§ Work to complete: Match the word "IfcSite". Return each line of the data below where it appears.

Stored records:
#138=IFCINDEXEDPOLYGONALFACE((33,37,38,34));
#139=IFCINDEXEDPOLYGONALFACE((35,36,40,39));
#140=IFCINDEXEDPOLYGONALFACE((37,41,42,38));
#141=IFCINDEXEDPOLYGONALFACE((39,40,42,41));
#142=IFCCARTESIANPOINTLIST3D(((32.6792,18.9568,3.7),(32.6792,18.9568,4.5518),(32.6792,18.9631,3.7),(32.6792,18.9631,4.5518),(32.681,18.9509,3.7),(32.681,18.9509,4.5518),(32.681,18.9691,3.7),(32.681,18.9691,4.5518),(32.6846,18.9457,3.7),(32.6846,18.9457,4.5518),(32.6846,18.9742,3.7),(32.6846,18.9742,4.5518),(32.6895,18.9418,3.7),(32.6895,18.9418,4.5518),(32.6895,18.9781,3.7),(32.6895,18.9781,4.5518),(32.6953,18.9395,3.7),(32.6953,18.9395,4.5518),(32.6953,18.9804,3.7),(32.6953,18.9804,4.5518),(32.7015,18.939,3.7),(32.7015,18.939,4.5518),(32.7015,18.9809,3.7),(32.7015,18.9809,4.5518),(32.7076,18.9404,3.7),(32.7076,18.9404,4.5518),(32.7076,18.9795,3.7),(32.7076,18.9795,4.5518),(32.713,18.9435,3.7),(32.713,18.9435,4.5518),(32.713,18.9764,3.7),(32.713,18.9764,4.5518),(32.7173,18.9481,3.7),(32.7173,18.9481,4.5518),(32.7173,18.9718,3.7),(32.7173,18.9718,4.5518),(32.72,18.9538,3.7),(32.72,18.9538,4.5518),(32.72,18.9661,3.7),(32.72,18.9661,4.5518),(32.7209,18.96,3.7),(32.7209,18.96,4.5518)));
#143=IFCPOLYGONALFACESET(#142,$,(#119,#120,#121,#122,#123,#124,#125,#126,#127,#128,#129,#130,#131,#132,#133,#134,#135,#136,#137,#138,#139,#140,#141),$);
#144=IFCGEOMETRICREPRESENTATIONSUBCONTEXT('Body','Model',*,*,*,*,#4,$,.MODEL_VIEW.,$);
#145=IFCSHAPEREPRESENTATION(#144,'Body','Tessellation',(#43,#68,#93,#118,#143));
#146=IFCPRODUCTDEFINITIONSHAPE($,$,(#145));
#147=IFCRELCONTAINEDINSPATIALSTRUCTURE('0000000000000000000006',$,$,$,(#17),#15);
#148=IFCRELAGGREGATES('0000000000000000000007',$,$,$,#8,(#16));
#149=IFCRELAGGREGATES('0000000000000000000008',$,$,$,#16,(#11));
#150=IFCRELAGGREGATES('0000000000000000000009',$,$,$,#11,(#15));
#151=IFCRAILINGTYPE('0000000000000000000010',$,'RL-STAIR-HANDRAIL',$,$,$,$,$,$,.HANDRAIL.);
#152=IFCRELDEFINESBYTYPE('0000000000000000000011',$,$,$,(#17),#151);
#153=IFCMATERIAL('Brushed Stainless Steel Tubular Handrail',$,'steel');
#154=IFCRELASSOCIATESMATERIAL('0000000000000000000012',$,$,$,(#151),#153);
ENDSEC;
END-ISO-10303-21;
* * *
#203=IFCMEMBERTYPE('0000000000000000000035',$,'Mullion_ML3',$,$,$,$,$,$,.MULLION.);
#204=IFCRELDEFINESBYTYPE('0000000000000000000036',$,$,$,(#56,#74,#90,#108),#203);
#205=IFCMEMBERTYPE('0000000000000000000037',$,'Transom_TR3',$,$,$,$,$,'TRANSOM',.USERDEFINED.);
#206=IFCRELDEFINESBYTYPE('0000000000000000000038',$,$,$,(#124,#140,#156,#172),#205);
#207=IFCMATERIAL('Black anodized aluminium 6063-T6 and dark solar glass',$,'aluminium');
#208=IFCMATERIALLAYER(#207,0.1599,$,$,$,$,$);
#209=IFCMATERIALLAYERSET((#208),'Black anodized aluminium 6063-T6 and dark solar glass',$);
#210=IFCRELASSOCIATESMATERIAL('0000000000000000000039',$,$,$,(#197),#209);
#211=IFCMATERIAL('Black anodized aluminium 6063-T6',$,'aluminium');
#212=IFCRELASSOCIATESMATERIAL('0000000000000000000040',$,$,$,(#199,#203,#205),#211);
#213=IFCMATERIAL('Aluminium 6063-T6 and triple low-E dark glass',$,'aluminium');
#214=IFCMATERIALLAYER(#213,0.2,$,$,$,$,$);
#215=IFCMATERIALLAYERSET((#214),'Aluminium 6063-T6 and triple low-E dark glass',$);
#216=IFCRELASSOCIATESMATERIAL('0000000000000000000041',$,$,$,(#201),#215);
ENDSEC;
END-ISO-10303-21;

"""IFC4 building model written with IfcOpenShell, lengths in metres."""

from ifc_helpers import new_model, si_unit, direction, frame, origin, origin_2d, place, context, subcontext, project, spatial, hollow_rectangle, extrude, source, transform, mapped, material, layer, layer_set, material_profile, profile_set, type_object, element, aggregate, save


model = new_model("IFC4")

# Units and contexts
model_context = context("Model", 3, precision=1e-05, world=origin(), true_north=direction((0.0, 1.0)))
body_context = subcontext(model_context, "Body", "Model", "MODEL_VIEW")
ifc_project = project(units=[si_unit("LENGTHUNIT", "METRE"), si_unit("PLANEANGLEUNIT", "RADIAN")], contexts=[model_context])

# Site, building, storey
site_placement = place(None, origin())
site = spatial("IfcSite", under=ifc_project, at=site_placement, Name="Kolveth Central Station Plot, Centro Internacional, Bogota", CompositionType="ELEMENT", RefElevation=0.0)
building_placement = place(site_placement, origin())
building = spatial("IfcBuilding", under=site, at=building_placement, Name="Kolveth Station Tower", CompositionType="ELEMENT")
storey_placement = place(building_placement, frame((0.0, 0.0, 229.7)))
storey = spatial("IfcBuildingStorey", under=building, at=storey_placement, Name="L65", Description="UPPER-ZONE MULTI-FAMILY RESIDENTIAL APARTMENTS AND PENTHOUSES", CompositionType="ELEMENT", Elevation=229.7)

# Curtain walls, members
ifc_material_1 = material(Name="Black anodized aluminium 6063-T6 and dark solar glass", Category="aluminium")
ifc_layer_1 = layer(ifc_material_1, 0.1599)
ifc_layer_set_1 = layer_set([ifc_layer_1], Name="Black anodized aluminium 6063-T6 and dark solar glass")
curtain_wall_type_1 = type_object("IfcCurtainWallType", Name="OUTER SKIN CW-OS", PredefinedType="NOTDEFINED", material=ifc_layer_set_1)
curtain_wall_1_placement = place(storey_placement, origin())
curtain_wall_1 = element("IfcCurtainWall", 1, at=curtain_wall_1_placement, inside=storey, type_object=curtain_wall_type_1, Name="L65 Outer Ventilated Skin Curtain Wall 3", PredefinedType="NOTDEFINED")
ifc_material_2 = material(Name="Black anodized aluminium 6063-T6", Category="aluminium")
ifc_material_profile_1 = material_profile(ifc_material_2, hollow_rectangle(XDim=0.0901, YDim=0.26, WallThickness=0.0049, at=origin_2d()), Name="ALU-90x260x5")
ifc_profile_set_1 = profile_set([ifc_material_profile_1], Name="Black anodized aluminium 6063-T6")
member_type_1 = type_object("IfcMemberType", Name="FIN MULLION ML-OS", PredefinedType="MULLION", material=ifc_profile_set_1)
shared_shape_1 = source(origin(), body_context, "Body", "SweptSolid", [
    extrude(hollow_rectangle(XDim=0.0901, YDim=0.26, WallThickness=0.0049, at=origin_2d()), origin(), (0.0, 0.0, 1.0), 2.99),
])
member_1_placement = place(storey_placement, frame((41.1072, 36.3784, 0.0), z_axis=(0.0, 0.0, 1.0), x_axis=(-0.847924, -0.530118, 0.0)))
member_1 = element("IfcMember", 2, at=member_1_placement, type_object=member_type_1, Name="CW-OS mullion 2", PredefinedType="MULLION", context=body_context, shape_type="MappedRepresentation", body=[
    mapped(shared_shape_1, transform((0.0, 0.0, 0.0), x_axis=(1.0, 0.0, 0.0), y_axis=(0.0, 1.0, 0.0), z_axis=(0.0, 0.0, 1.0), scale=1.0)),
--
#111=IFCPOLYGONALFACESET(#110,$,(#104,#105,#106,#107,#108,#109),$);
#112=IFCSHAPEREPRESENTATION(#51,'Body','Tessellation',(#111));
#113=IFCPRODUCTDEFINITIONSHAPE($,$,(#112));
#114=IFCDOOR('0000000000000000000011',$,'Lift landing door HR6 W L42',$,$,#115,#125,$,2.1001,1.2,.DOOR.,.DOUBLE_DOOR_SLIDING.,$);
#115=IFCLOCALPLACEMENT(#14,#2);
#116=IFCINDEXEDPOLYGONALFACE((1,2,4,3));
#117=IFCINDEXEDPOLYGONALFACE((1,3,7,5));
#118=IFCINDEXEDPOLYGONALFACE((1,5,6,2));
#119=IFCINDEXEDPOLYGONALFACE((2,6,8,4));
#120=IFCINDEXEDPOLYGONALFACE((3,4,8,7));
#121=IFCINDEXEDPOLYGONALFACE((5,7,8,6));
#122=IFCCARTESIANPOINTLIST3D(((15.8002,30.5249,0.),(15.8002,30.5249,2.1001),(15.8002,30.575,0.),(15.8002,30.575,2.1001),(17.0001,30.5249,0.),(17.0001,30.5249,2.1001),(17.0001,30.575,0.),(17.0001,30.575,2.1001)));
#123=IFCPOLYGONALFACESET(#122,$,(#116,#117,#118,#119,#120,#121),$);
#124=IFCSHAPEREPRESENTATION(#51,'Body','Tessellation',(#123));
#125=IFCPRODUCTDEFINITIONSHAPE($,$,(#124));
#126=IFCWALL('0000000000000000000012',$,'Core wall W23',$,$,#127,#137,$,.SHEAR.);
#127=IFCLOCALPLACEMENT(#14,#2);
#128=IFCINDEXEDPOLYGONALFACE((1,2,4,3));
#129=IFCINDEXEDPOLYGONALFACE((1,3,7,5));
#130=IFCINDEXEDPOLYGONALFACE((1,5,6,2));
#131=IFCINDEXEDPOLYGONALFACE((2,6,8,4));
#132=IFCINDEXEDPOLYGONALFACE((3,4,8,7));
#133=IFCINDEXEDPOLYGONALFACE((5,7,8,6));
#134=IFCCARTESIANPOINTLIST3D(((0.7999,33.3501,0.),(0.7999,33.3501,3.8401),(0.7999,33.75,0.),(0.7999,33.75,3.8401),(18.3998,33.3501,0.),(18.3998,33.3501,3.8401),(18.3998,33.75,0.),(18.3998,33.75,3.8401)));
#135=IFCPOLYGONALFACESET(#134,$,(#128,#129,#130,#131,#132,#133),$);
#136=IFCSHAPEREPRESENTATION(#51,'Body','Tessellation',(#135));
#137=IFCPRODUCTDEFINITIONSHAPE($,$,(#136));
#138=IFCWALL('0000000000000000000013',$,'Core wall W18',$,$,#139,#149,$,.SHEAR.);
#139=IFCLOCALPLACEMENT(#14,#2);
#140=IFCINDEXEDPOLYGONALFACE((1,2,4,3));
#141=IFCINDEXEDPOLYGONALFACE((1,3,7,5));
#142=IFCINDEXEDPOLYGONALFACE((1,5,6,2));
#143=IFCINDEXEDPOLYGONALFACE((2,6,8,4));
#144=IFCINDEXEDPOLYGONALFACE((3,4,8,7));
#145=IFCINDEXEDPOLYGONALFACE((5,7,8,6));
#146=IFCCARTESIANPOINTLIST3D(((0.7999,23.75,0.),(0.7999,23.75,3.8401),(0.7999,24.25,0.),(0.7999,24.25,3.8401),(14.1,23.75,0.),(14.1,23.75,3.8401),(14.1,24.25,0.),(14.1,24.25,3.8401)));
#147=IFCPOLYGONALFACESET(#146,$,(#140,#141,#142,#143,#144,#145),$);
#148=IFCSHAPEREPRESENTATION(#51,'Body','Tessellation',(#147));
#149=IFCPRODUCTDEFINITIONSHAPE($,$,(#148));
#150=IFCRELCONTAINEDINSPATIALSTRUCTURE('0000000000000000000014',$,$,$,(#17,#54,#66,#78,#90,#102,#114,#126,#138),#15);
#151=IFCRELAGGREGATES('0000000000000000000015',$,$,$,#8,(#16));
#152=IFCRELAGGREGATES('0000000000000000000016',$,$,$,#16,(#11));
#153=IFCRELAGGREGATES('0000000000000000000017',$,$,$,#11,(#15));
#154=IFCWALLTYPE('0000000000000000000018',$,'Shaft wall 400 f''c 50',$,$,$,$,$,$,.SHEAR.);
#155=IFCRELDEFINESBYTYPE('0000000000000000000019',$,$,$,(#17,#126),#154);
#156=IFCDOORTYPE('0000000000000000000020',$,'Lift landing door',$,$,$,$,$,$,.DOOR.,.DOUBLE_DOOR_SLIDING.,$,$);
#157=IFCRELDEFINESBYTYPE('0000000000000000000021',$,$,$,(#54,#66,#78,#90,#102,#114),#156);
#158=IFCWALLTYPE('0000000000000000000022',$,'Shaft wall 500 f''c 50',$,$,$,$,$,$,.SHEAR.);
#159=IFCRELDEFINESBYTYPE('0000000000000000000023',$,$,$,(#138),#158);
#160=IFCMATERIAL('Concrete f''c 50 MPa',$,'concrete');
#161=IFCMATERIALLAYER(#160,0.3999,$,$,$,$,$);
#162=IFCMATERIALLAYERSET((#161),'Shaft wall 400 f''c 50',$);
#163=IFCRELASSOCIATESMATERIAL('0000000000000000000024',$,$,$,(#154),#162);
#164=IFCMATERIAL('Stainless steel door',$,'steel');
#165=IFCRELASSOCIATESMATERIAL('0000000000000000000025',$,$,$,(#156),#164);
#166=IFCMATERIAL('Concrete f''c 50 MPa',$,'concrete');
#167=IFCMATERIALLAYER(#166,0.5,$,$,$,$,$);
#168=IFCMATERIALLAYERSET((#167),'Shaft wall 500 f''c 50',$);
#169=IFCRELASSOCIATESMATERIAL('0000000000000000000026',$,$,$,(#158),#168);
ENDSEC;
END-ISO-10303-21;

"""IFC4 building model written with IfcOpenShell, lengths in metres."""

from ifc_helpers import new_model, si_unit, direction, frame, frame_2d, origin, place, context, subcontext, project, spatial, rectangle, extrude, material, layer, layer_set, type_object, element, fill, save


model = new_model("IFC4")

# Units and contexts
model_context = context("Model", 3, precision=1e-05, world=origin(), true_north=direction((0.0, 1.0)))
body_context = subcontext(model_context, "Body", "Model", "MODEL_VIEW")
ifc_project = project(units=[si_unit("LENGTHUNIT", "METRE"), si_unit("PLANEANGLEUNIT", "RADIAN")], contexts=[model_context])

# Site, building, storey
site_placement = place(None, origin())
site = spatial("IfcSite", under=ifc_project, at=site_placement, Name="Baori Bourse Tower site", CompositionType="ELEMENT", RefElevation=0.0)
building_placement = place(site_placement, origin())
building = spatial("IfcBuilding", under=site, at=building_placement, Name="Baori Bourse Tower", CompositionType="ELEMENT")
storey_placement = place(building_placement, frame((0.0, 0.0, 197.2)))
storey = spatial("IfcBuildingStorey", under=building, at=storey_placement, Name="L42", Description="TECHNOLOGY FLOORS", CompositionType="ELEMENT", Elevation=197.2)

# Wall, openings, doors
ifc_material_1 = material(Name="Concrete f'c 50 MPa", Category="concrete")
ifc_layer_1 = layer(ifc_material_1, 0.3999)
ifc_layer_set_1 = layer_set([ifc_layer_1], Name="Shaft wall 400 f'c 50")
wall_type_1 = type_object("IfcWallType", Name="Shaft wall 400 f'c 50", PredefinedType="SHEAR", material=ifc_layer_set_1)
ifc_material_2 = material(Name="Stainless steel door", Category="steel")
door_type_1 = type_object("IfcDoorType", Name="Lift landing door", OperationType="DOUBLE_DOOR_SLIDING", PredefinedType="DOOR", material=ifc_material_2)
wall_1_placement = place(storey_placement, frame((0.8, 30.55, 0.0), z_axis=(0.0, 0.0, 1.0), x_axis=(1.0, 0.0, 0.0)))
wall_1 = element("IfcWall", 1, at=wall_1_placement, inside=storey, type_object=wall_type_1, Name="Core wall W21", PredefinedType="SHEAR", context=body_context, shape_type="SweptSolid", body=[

§ Result of this task:
site = spatial("IfcSite", under=ifc_project, at=site_placement, Name="Kolveth Central Station Plot, Centro Internacional, Bogota", CompositionType="ELEMENT", RefElevation=0.0)
site = spatial("IfcSite", under=ifc_project, at=site_placement, Name="Baori Bourse Tower site", CompositionType="ELEMENT", RefElevation=0.0)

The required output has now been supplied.